▼

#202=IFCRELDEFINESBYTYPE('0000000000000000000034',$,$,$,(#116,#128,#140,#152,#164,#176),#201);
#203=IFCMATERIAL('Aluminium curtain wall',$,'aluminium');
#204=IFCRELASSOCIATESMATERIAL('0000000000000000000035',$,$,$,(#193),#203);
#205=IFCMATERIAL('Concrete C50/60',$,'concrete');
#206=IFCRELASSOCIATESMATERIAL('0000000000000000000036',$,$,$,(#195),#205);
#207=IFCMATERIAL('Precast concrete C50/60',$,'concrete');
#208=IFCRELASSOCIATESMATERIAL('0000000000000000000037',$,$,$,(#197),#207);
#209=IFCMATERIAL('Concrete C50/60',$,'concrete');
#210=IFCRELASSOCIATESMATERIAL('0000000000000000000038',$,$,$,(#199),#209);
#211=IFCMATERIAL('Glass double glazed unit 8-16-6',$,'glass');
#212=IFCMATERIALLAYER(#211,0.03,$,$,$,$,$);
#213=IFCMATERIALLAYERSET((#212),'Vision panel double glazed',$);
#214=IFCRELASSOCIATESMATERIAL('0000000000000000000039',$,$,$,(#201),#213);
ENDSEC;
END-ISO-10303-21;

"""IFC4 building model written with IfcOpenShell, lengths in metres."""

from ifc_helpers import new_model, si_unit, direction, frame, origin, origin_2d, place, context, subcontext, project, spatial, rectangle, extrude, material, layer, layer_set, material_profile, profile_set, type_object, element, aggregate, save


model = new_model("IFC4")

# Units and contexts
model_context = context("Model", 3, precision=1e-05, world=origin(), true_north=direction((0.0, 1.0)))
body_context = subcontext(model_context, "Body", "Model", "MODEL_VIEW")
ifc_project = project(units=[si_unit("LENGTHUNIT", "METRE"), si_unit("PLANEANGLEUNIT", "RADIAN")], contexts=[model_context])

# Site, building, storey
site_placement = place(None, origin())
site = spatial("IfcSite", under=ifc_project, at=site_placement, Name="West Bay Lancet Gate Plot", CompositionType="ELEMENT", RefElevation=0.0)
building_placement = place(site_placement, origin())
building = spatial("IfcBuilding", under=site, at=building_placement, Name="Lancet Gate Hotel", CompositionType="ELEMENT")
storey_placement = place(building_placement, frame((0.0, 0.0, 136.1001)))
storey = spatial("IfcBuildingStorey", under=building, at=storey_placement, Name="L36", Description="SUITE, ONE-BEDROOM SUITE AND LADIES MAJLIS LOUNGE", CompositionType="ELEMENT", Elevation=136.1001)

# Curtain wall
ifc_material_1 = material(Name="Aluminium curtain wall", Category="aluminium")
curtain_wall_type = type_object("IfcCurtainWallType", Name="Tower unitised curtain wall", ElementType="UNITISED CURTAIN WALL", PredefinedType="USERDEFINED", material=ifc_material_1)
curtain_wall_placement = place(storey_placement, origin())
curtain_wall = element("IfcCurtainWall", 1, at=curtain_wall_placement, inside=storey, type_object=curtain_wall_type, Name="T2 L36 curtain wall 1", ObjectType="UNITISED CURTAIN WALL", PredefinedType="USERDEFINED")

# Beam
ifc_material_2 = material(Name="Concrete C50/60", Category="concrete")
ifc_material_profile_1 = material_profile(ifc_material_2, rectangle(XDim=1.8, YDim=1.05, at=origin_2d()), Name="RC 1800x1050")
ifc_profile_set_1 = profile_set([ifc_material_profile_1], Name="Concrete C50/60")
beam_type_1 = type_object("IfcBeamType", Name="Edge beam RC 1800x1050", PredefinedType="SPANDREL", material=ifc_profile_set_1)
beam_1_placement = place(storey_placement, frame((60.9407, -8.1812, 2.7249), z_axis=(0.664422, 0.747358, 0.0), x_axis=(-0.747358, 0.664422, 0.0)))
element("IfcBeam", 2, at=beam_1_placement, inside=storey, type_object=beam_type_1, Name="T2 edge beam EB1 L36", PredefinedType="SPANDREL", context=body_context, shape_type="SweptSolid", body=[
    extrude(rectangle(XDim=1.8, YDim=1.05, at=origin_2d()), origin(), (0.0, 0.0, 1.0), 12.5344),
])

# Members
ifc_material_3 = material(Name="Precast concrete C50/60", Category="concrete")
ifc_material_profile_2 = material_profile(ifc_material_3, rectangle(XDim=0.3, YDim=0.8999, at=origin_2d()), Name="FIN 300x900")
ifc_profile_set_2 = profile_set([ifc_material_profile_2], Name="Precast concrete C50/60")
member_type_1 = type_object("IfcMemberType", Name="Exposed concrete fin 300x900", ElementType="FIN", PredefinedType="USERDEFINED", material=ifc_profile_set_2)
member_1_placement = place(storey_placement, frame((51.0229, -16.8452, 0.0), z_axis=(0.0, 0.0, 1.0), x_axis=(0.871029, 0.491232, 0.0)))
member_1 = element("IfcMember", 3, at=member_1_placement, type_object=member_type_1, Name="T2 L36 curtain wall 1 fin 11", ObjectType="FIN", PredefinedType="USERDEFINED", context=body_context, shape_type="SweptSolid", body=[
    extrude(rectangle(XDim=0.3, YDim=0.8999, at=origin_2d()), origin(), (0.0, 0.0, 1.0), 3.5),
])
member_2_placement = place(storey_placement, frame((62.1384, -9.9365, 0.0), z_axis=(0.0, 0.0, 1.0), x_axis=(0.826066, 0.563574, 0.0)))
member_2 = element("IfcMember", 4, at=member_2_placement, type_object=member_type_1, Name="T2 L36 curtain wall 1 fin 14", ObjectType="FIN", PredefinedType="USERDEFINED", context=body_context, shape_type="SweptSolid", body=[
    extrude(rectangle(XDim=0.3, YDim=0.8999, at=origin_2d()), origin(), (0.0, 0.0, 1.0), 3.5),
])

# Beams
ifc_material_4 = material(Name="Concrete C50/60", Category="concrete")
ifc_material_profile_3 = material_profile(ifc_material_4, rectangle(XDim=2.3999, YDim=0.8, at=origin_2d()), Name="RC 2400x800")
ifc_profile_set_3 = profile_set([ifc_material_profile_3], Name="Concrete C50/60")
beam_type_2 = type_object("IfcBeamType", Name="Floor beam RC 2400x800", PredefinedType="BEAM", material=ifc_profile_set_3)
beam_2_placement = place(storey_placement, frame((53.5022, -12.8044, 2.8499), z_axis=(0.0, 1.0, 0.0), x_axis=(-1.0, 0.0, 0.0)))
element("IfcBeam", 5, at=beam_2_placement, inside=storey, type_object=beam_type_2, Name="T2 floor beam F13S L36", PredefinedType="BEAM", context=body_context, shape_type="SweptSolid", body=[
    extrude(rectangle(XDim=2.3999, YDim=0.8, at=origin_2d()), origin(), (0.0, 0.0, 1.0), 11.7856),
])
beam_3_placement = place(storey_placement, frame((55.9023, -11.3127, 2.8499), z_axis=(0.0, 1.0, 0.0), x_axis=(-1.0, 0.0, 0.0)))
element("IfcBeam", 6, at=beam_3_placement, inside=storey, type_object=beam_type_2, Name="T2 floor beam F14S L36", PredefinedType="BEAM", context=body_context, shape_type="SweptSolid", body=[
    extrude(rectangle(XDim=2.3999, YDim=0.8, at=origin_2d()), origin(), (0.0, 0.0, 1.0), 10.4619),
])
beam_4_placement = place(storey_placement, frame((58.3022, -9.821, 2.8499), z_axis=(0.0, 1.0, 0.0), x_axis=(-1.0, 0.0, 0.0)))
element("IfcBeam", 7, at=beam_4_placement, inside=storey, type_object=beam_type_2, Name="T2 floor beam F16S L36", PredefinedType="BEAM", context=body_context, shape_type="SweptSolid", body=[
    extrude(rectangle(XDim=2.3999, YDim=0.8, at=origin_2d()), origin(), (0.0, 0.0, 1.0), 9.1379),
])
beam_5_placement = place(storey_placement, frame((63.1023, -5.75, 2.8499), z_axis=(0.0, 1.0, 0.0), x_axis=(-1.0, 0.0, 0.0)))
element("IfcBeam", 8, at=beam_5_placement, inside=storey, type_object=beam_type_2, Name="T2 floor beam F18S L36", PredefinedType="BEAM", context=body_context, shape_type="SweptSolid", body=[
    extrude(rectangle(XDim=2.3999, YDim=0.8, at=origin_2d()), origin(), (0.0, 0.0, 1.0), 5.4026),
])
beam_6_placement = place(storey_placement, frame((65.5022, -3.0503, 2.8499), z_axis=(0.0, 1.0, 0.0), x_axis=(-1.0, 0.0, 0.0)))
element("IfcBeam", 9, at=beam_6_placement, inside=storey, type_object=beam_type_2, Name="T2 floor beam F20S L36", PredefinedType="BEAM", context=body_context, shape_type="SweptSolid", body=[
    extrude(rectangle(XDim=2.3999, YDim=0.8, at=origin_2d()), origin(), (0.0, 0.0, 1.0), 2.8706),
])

▲

**Task details**
In the material above, find every line that has the string "under" and pull those lines out.

**Expected answer**
site = spatial("IfcSite", under=ifc_project, at=site_placement, Name="West Bay Lancet Gate Plot", CompositionType="ELEMENT", RefElevation=0.0)
building = spatial("IfcBuilding", under=site, at=building_placement, Name="Lancet Gate Hotel", CompositionType="ELEMENT")
storey = spatial("IfcBuildingStorey", under=building, at=storey_placement, Name="L36", Description="SUITE, ONE-BEDROOM SUITE AND LADIES MAJLIS LOUNGE", CompositionType="ELEMENT", Elevation=136.1001)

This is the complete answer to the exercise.